Print every line of the listing below, starting with the line that holds "#156=IFCINDEXEDPOLYGONALFACE((29,33,34,30));" and going on through the line that holds "#161=IFCINDEXEDPOLYGONALFACE((39,40,42,41));", both included, and print nothing else.

****

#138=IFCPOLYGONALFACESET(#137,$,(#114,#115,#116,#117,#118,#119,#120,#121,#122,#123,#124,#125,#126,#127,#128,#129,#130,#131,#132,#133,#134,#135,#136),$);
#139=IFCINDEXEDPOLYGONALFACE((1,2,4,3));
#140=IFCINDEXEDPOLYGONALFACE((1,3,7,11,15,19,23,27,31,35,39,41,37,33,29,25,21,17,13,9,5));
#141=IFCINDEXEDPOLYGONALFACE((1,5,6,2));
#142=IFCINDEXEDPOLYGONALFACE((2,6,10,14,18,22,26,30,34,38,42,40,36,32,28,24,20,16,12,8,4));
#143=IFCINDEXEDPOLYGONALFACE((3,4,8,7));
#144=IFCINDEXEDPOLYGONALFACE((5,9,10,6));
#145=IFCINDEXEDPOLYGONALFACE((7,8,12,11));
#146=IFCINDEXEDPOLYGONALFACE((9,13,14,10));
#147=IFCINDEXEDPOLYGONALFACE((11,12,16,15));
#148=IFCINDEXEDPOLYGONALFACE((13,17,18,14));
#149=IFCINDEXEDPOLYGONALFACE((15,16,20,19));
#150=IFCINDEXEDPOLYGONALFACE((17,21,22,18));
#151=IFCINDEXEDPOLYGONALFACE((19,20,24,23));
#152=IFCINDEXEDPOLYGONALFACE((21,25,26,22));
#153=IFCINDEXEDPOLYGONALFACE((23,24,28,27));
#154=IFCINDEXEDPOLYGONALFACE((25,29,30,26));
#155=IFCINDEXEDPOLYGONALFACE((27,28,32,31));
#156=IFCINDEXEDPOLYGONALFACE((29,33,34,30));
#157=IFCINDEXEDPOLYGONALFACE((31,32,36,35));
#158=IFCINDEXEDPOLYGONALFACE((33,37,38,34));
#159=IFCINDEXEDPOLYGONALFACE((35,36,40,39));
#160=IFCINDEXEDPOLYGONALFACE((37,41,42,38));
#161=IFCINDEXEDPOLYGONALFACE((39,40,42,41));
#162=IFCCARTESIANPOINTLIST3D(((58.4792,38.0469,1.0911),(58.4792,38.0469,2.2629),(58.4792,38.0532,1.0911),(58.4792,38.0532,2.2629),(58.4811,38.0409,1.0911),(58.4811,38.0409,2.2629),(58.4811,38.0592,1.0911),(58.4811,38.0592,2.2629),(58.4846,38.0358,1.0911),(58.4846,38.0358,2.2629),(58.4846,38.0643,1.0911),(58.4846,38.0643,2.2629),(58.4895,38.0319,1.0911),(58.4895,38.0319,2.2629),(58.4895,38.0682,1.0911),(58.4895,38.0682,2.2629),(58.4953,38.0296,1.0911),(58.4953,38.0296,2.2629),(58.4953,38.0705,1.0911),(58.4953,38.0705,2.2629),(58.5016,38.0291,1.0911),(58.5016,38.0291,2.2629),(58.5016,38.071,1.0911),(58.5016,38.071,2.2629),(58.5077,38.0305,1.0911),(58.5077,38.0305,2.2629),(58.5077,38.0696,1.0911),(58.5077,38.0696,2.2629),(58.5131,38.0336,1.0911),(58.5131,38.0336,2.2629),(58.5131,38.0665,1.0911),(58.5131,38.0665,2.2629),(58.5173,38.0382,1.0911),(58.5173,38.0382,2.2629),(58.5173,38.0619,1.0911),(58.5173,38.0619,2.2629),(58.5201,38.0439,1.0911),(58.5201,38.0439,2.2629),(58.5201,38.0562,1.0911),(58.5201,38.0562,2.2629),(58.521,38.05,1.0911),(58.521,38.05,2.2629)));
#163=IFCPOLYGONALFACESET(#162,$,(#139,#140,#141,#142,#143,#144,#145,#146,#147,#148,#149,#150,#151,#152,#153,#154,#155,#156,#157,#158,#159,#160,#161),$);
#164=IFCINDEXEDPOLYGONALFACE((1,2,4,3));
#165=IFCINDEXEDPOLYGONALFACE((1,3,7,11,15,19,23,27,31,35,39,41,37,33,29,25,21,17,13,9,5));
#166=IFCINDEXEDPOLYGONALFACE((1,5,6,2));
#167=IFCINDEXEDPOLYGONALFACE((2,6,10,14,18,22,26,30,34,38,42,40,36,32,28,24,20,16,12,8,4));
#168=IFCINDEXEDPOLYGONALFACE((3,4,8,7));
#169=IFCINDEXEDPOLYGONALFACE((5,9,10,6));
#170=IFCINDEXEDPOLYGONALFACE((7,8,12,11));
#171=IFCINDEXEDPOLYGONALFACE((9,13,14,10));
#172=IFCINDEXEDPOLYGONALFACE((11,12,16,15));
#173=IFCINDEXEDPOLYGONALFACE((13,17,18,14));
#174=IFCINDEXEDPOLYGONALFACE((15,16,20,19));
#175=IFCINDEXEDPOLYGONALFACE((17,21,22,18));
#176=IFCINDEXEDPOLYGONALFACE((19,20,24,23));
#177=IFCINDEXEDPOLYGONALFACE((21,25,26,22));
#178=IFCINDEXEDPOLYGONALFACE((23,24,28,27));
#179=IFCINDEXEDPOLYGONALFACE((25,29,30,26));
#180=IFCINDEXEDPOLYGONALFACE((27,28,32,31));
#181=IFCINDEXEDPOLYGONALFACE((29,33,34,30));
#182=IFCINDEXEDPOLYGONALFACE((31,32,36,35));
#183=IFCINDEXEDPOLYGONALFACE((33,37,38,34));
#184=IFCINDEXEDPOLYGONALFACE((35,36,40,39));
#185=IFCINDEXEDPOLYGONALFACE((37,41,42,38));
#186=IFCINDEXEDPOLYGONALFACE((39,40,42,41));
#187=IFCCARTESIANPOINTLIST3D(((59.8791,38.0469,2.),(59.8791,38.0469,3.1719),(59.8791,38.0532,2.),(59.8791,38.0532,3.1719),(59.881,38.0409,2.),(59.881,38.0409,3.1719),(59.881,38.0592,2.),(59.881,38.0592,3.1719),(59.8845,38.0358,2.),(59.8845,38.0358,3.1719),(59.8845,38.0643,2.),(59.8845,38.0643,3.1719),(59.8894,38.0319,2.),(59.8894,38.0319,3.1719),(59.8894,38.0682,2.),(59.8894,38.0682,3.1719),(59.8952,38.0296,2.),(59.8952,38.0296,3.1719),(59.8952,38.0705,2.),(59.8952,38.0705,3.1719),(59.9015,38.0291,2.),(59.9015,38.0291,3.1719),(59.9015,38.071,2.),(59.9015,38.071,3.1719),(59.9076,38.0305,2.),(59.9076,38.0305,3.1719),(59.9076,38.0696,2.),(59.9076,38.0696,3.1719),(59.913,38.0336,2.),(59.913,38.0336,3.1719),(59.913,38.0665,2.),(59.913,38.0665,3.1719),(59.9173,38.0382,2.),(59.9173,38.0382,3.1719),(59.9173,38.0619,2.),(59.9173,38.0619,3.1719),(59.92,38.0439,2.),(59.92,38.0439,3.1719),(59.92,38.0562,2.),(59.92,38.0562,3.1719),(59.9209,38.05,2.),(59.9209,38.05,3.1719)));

****

Solution to the problem.
#156=IFCINDEXEDPOLYGONALFACE((29,33,34,30));
#157=IFCINDEXEDPOLYGONALFACE((31,32,36,35));
#158=IFCINDEXEDPOLYGONALFACE((33,37,38,34));
#159=IFCINDEXEDPOLYGONALFACE((35,36,40,39));
#160=IFCINDEXEDPOLYGONALFACE((37,41,42,38));
#161=IFCINDEXEDPOLYGONALFACE((39,40,42,41));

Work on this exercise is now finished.